▶ [Exercise description]
All the data below needs to be retyped exactly as shown.

=== Begin Enclosure ===

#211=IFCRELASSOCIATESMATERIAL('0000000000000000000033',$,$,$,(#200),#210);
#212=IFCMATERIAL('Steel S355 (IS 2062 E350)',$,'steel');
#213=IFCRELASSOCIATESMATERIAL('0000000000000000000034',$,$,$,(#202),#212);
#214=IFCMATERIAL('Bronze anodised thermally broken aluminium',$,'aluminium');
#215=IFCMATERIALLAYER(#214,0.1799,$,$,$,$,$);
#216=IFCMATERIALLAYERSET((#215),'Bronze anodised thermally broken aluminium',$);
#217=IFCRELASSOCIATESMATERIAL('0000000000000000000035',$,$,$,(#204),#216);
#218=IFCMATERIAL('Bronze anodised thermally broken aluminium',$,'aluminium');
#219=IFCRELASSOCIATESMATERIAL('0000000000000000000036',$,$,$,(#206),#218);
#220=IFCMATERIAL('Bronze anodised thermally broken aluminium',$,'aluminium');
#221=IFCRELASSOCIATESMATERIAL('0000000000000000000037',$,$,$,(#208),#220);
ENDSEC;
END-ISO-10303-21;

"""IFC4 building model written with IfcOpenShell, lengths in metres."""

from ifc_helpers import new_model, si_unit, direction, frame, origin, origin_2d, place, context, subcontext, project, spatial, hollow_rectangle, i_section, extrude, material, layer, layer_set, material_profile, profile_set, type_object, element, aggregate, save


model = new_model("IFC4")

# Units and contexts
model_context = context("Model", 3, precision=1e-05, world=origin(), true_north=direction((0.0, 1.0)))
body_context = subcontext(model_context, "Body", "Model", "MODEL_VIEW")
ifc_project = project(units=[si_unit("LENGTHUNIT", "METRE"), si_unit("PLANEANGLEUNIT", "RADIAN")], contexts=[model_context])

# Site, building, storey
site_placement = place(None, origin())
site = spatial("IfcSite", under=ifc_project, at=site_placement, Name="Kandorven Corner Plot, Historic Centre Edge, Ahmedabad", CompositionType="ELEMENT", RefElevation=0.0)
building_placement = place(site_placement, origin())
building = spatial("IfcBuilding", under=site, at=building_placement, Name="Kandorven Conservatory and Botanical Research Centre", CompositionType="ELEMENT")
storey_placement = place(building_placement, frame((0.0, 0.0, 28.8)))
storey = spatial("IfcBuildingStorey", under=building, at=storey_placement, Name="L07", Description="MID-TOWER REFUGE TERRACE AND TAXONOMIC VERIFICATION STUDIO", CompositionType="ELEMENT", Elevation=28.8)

=== End Enclosure ===

▶ [Expected answer]
#211=IFCRELASSOCIATESMATERIAL('0000000000000000000033',$,$,$,(#200),#210);
#212=IFCMATERIAL('Steel S355 (IS 2062 E350)',$,'steel');
#213=IFCRELASSOCIATESMATERIAL('0000000000000000000034',$,$,$,(#202),#212);
#214=IFCMATERIAL('Bronze anodised thermally broken aluminium',$,'aluminium');
#215=IFCMATERIALLAYER(#214,0.1799,$,$,$,$,$);
#216=IFCMATERIALLAYERSET((#215),'Bronze anodised thermally broken aluminium',$);
#217=IFCRELASSOCIATESMATERIAL('0000000000000000000035',$,$,$,(#204),#216);
#218=IFCMATERIAL('Bronze anodised thermally broken aluminium',$,'aluminium');
#219=IFCRELASSOCIATESMATERIAL('0000000000000000000036',$,$,$,(#206),#218);
#220=IFCMATERIAL('Bronze anodised thermally broken aluminium',$,'aluminium');
#221=IFCRELASSOCIATESMATERIAL('0000000000000000000037',$,$,$,(#208),#220);
ENDSEC;
END-ISO-10303-21;

"""IFC4 building model written with IfcOpenShell, lengths in metres."""

from ifc_helpers import new_model, si_unit, direction, frame, origin, origin_2d, place, context, subcontext, project, spatial, hollow_rectangle, i_section, extrude, material, layer, layer_set, material_profile, profile_set, type_object, element, aggregate, save


model = new_model("IFC4")

# Units and contexts
model_context = context("Model", 3, precision=1e-05, world=origin(), true_north=direction((0.0, 1.0)))
body_context = subcontext(model_context, "Body", "Model", "MODEL_VIEW")
ifc_project = project(units=[si_unit("LENGTHUNIT", "METRE"), si_unit("PLANEANGLEUNIT", "RADIAN")], contexts=[model_context])

# Site, building, storey
site_placement = place(None, origin())
site = spatial("IfcSite", under=ifc_project, at=site_placement, Name="Kandorven Corner Plot, Historic Centre Edge, Ahmedabad", CompositionType="ELEMENT", RefElevation=0.0)
building_placement = place(site_placement, origin())
building = spatial("IfcBuilding", under=site, at=building_placement, Name="Kandorven Conservatory and Botanical Research Centre", CompositionType="ELEMENT")
storey_placement = place(building_placement, frame((0.0, 0.0, 28.8)))
storey = spatial("IfcBuildingStorey", under=building, at=storey_placement, Name="L07", Description="MID-TOWER REFUGE TERRACE AND TAXONOMIC VERIFICATION STUDIO", CompositionType="ELEMENT", Elevation=28.8)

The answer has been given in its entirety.